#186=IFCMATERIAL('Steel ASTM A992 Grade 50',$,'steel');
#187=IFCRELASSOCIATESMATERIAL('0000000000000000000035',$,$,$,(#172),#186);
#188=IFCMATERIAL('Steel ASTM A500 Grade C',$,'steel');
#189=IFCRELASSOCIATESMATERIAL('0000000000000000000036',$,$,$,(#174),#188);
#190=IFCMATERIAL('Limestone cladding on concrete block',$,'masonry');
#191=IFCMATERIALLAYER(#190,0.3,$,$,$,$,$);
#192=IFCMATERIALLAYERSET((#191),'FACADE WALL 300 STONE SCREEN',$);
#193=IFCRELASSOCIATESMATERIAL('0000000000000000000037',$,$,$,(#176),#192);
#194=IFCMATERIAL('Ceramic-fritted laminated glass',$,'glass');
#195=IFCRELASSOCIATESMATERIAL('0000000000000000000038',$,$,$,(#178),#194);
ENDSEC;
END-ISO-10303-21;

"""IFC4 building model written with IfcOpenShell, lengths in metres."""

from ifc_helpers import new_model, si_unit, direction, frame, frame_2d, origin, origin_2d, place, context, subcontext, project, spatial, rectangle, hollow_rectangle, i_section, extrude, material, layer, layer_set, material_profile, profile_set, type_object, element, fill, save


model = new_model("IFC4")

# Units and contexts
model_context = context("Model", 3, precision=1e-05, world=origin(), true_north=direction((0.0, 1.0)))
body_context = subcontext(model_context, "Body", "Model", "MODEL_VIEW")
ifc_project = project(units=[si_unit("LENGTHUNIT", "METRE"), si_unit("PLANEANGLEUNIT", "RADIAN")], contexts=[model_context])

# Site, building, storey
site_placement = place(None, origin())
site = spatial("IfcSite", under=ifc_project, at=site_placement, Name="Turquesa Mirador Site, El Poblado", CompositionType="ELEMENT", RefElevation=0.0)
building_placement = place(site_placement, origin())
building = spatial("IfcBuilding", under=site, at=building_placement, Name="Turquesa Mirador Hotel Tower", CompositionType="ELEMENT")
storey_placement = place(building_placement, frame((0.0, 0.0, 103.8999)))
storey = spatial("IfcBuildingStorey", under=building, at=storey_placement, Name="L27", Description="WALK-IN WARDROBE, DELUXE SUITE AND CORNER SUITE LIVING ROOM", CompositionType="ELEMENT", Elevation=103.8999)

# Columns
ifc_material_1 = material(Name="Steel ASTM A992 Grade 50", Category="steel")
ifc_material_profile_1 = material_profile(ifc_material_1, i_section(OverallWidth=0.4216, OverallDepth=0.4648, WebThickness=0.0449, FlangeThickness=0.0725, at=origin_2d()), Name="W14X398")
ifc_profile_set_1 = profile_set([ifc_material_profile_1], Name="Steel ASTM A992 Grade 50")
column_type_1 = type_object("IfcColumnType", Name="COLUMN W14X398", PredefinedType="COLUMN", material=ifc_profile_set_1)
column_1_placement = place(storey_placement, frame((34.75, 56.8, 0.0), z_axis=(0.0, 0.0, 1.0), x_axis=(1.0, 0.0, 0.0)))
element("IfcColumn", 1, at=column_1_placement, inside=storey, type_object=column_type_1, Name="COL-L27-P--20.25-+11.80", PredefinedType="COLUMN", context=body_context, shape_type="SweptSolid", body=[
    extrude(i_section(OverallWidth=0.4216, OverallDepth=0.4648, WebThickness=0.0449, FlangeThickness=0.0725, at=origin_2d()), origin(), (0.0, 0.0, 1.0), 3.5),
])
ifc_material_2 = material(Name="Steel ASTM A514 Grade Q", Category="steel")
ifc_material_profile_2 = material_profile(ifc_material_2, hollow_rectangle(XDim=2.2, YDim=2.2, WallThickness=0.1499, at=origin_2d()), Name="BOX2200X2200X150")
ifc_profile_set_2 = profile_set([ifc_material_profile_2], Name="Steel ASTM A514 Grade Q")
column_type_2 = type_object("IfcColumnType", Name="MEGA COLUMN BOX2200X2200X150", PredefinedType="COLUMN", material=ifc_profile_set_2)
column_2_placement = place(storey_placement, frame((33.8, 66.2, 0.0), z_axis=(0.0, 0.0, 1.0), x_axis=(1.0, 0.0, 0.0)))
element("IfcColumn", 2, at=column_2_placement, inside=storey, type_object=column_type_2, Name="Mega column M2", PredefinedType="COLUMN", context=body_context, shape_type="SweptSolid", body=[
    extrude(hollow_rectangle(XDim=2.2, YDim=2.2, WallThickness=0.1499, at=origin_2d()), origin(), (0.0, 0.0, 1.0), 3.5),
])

━━━━━━━━━━━━━━━━━━━━

DIRECTIONS:
Reproduce verbatim the range of lines that opens the records and closes with the line containing "#191=IFCMATERIALLAYER(#190,0.3,$,$,$,$,$);". Omit everything after it.

YOUR RESPONSE:
#186=IFCMATERIAL('Steel ASTM A992 Grade 50',$,'steel');
#187=IFCRELASSOCIATESMATERIAL('0000000000000000000035',$,$,$,(#172),#186);
#188=IFCMATERIAL('Steel ASTM A500 Grade C',$,'steel');
#189=IFCRELASSOCIATESMATERIAL('0000000000000000000036',$,$,$,(#174),#188);
#190=IFCMATERIAL('Limestone cladding on concrete block',$,'masonry');
#191=IFCMATERIALLAYER(#190,0.3,$,$,$,$,$);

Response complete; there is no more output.